[Aim of the task]:
Please return all lines in the listing holding the word "IFCPRODUCTDEFINITIONSHAPE".

[Material to process]:

━━━━

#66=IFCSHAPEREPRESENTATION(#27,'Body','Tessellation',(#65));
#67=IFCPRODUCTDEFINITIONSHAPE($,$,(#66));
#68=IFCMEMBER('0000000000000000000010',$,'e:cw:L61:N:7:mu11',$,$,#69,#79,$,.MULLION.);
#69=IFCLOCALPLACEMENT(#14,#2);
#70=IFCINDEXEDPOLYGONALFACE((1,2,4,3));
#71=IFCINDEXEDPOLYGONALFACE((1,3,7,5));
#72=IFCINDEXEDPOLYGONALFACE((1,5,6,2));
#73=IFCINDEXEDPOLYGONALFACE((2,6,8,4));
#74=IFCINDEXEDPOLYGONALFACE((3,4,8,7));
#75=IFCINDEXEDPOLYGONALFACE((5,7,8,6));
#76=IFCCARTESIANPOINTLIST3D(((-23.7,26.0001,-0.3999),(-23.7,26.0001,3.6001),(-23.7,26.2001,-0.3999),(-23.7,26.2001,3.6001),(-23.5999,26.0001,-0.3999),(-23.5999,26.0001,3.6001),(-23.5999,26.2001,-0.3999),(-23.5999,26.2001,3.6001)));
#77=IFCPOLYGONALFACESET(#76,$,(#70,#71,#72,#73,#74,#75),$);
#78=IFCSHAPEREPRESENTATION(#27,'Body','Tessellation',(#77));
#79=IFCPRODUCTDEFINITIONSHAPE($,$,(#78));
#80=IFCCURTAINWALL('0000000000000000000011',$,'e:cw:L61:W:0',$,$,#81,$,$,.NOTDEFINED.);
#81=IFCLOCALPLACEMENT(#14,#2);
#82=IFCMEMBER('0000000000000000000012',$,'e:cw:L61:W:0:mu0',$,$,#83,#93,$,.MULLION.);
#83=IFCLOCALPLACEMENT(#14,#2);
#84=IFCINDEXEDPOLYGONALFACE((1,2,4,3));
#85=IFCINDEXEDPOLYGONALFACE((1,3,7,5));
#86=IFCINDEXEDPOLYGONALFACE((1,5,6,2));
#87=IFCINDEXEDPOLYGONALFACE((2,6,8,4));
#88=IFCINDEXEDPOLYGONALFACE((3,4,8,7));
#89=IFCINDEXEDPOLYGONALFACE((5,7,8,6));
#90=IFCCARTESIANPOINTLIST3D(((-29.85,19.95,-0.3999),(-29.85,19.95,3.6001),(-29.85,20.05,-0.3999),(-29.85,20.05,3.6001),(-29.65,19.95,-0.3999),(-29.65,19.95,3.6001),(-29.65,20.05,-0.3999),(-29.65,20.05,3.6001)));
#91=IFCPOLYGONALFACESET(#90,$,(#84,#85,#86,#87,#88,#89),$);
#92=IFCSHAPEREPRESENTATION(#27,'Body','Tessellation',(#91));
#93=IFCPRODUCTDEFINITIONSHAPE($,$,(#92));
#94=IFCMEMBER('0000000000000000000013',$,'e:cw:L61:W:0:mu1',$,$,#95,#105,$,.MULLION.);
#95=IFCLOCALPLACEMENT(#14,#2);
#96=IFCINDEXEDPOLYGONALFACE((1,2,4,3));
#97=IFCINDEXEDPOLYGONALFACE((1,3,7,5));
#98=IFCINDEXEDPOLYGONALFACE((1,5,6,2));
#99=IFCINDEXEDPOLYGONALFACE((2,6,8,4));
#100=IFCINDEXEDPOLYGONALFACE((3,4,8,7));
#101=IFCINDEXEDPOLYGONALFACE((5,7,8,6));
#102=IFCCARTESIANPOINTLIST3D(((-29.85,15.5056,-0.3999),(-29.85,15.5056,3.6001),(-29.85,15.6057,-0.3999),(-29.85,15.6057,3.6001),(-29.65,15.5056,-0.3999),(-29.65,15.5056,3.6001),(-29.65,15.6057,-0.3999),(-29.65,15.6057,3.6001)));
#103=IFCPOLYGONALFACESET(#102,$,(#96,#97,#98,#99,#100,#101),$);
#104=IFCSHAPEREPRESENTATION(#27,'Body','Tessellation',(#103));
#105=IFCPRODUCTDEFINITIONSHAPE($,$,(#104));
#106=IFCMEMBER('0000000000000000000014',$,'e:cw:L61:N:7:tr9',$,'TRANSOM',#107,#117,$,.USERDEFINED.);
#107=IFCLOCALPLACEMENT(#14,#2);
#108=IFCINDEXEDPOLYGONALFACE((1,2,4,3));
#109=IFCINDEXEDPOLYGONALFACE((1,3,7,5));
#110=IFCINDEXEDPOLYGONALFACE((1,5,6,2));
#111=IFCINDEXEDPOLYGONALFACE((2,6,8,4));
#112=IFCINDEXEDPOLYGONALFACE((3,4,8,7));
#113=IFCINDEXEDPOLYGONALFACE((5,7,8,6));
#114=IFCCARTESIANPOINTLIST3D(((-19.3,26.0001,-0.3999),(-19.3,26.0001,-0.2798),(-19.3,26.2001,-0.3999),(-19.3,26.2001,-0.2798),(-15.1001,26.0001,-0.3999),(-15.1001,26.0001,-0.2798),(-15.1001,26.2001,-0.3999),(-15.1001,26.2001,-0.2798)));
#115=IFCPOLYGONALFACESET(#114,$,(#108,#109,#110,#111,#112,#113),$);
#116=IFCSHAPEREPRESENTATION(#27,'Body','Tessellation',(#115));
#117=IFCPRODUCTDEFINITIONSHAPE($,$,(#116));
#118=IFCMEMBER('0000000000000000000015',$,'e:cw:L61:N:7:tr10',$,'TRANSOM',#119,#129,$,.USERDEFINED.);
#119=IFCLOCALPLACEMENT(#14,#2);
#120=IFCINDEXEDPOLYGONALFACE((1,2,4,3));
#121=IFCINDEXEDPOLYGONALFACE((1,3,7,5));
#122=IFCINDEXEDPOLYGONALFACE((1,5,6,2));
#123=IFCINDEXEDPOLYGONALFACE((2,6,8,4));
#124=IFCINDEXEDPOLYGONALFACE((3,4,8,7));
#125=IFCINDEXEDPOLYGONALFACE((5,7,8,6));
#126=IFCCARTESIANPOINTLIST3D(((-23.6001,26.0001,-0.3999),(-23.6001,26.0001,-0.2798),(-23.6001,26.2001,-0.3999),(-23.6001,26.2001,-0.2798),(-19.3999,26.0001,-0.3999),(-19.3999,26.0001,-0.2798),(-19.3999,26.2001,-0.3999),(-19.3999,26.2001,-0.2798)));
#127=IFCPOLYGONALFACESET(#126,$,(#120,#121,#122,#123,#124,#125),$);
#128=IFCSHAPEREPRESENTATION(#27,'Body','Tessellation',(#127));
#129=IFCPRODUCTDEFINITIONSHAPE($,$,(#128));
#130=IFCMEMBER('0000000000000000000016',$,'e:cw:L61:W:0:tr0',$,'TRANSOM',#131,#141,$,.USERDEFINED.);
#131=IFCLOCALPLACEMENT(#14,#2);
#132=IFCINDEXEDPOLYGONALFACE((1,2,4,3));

━━━━

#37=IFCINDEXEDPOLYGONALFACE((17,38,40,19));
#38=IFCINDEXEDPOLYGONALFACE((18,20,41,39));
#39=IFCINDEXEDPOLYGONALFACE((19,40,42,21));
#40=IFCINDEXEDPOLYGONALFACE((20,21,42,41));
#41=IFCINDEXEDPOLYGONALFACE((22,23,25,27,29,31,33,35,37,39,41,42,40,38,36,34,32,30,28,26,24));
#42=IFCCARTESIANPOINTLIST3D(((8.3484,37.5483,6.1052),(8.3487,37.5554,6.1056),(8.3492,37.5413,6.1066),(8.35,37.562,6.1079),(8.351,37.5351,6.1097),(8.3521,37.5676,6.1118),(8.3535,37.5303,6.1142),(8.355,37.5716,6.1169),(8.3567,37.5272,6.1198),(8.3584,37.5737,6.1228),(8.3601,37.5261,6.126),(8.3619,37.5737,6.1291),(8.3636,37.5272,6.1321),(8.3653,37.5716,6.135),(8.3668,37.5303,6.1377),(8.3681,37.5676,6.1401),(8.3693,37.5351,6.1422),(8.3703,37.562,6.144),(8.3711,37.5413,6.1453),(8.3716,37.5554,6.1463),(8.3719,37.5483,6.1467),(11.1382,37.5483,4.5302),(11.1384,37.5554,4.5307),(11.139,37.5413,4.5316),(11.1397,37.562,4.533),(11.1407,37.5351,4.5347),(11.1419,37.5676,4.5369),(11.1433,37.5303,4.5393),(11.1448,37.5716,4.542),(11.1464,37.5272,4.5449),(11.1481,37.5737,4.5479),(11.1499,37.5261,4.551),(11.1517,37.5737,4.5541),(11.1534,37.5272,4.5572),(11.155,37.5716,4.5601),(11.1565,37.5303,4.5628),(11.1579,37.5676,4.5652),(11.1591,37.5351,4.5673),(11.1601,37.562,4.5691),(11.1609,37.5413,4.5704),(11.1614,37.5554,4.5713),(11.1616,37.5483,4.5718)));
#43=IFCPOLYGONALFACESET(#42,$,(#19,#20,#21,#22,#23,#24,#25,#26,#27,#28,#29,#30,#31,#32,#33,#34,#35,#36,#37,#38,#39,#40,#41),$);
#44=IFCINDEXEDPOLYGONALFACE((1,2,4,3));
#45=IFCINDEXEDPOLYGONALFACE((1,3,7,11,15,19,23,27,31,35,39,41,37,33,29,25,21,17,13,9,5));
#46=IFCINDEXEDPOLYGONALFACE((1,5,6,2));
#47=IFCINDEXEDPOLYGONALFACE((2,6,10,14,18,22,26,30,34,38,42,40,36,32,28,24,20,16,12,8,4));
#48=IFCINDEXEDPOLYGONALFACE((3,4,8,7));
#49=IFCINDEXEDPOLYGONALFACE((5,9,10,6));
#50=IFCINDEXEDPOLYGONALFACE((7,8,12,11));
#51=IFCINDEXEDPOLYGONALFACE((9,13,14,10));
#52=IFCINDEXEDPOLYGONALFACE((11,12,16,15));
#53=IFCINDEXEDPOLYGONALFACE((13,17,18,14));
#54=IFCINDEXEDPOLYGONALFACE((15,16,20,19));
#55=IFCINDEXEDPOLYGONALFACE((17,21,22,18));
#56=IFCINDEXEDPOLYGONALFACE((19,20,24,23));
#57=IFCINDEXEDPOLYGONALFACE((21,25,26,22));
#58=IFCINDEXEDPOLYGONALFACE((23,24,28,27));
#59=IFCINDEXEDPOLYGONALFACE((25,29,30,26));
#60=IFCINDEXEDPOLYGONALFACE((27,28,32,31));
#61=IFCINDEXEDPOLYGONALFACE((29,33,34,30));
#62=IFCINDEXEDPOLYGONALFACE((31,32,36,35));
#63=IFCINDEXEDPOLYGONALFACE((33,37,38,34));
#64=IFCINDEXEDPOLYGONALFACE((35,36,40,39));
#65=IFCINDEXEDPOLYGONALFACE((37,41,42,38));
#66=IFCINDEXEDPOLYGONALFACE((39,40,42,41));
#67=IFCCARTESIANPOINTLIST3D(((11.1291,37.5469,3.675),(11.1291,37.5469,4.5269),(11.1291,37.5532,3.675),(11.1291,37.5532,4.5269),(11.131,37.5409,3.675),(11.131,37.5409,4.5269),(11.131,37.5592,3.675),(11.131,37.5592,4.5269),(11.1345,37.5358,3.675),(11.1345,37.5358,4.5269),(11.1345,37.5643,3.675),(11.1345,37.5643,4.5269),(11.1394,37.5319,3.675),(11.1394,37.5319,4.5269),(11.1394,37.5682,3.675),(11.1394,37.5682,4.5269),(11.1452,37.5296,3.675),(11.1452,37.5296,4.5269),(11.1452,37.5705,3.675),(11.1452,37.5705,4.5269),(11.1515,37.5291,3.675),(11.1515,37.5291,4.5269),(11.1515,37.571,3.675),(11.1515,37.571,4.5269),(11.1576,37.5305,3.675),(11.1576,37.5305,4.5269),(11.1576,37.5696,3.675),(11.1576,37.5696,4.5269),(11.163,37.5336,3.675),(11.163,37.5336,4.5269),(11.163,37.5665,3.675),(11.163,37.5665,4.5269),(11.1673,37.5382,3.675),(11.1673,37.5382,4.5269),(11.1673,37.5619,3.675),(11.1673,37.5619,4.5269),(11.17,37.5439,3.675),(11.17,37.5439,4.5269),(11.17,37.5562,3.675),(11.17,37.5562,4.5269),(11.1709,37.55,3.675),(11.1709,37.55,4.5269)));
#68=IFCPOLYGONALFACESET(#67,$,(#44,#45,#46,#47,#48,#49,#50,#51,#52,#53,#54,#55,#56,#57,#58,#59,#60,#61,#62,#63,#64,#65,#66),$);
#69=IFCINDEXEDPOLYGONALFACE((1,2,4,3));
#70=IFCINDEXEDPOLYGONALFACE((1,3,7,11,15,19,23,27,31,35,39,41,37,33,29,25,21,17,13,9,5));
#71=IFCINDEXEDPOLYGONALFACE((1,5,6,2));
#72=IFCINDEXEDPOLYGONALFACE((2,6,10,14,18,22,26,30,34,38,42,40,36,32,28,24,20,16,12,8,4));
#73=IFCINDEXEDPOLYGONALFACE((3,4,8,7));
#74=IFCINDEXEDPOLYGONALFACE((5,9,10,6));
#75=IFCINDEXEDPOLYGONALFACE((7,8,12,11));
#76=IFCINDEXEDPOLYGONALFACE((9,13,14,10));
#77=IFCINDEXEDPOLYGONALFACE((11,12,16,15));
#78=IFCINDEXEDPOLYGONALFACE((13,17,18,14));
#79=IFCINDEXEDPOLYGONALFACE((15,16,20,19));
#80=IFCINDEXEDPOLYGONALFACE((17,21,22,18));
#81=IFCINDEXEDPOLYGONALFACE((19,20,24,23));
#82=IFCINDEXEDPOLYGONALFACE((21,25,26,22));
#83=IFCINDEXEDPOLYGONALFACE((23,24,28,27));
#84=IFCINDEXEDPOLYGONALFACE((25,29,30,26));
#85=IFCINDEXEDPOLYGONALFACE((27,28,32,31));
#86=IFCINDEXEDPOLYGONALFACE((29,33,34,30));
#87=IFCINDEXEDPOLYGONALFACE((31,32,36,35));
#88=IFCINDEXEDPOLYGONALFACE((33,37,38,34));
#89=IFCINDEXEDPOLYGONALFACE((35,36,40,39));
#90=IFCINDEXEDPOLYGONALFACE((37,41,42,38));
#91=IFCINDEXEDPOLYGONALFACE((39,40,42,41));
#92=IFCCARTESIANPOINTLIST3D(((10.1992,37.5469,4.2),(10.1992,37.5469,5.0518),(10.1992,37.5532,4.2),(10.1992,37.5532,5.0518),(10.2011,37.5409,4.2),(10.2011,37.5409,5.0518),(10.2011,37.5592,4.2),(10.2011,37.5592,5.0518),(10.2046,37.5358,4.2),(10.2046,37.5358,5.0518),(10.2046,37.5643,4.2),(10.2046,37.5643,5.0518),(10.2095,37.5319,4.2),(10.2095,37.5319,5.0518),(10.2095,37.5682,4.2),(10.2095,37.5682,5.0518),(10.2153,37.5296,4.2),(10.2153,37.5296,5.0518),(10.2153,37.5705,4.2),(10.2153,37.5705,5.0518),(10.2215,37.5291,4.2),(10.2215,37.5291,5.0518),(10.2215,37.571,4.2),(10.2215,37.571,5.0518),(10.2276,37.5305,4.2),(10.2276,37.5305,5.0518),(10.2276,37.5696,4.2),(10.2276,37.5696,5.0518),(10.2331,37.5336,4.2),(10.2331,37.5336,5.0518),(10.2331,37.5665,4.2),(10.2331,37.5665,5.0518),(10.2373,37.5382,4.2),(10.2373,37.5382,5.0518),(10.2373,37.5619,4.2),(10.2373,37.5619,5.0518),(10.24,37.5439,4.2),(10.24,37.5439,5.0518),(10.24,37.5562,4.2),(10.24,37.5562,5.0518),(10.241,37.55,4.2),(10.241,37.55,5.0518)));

━━━━

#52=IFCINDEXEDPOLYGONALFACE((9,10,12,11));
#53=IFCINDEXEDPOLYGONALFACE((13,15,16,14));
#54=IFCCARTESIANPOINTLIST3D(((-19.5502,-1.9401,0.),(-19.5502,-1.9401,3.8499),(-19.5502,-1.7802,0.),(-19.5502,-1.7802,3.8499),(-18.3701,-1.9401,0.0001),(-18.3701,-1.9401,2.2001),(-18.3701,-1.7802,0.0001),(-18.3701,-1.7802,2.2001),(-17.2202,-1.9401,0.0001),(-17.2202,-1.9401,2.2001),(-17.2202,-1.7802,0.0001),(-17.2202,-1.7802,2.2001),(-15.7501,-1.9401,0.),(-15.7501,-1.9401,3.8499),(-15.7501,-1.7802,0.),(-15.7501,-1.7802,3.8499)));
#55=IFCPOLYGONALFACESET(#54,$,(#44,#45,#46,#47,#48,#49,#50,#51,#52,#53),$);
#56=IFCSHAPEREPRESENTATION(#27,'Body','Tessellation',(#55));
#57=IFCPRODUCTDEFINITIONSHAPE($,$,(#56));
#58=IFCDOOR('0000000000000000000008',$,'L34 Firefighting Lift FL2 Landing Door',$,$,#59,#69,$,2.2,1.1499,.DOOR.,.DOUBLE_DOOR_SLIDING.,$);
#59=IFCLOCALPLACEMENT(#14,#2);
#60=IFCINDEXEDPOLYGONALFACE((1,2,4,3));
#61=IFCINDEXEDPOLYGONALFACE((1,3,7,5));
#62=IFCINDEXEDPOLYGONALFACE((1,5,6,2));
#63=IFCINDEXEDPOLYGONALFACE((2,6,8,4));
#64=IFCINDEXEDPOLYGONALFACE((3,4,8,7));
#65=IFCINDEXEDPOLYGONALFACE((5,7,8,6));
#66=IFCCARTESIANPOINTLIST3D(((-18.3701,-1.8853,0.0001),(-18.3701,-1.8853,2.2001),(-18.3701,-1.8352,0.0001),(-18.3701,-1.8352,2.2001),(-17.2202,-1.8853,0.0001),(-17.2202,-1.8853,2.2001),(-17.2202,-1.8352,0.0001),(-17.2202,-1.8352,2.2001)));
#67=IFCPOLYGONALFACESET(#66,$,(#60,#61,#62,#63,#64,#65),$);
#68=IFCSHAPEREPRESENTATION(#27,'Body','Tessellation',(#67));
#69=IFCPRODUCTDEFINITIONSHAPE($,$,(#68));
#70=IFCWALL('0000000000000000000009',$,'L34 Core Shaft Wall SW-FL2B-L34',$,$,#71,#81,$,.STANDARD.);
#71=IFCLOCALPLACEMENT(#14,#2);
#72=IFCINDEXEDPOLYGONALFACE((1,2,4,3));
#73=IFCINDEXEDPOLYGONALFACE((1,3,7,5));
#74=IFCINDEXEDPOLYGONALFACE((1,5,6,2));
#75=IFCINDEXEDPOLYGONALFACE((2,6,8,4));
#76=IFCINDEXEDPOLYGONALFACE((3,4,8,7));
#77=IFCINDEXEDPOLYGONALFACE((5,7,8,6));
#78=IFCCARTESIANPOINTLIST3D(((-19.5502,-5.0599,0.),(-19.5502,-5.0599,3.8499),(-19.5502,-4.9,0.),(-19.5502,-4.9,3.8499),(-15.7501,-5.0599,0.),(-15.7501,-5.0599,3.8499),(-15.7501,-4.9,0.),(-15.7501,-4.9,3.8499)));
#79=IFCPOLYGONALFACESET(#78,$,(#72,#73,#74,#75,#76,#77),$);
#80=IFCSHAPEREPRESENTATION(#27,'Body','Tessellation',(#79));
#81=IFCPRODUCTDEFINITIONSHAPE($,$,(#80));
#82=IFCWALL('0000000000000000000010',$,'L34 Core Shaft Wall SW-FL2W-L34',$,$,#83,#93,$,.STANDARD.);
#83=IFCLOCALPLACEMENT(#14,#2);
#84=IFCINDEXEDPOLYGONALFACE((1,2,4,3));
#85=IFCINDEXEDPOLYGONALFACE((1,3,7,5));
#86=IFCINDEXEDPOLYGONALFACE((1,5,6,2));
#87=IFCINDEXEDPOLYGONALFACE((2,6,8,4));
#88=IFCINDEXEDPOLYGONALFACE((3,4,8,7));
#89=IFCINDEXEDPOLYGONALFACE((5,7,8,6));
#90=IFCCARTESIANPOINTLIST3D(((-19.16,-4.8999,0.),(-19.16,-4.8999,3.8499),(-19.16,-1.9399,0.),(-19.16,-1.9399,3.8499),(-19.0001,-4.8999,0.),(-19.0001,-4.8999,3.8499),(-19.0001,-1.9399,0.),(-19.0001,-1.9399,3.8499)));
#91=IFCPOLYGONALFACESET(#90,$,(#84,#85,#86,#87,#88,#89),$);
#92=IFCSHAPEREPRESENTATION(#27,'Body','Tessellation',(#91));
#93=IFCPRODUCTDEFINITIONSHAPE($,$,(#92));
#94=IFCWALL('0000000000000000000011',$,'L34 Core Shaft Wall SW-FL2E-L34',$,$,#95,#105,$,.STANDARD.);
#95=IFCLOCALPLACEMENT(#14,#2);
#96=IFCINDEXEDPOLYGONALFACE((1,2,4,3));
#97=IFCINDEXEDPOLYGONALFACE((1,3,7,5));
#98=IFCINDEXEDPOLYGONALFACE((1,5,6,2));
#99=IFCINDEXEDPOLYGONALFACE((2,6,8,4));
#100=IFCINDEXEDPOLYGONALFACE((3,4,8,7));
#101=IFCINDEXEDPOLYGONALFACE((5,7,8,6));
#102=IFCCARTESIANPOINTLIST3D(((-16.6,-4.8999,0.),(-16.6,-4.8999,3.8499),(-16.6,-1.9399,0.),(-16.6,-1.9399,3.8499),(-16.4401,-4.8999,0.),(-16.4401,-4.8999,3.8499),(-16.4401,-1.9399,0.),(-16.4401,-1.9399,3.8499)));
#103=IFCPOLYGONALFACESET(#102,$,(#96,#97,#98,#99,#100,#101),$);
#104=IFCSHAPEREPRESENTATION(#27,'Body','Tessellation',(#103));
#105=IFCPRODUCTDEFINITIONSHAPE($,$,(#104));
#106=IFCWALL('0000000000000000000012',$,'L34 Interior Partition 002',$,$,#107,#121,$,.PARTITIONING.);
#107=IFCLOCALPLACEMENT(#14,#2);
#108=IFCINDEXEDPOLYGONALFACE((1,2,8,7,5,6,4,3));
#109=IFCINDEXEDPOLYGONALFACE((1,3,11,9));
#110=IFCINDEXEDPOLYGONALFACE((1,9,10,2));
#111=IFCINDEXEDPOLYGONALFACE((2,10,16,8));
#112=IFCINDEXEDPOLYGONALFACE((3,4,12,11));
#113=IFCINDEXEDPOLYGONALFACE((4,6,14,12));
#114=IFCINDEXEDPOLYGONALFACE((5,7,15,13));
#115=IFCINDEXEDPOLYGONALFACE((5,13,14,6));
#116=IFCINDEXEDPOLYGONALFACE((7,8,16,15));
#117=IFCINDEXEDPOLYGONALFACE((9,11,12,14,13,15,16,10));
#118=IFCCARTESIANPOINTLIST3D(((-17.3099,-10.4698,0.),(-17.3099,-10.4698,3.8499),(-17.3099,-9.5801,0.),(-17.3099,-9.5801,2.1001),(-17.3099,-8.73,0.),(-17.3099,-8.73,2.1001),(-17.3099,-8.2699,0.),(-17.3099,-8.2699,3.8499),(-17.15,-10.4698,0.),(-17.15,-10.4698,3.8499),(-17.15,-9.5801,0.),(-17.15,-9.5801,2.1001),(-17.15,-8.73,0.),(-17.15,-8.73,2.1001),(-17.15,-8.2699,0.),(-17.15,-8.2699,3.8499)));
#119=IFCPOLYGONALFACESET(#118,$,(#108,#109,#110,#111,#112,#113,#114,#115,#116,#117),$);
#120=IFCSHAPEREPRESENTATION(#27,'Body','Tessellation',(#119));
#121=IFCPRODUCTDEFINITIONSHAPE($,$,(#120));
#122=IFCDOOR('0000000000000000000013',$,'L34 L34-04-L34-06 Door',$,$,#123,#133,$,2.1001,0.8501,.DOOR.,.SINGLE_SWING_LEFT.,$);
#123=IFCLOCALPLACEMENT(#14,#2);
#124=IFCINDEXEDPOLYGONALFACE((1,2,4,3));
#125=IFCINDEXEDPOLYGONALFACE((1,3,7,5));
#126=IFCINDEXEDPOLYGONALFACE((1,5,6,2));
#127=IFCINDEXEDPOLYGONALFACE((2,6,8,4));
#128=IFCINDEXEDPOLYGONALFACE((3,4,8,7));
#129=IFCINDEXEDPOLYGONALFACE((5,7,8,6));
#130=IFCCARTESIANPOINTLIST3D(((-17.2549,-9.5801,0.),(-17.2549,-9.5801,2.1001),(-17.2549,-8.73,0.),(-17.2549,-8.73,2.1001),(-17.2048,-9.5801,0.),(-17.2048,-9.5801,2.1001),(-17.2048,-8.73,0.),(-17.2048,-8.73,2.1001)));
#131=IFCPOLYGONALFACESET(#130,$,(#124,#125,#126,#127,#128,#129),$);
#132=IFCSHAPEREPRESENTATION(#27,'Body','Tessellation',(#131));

━━━━

[Reply to the task]:
#67=IFCPRODUCTDEFINITIONSHAPE($,$,(#66));
#79=IFCPRODUCTDEFINITIONSHAPE($,$,(#78));
#93=IFCPRODUCTDEFINITIONSHAPE($,$,(#92));
#105=IFCPRODUCTDEFINITIONSHAPE($,$,(#104));
#117=IFCPRODUCTDEFINITIONSHAPE($,$,(#116));
#129=IFCPRODUCTDEFINITIONSHAPE($,$,(#128));
#57=IFCPRODUCTDEFINITIONSHAPE($,$,(#56));
#69=IFCPRODUCTDEFINITIONSHAPE($,$,(#68));
#81=IFCPRODUCTDEFINITIONSHAPE($,$,(#80));
#93=IFCPRODUCTDEFINITIONSHAPE($,$,(#92));
#105=IFCPRODUCTDEFINITIONSHAPE($,$,(#104));
#121=IFCPRODUCTDEFINITIONSHAPE($,$,(#120));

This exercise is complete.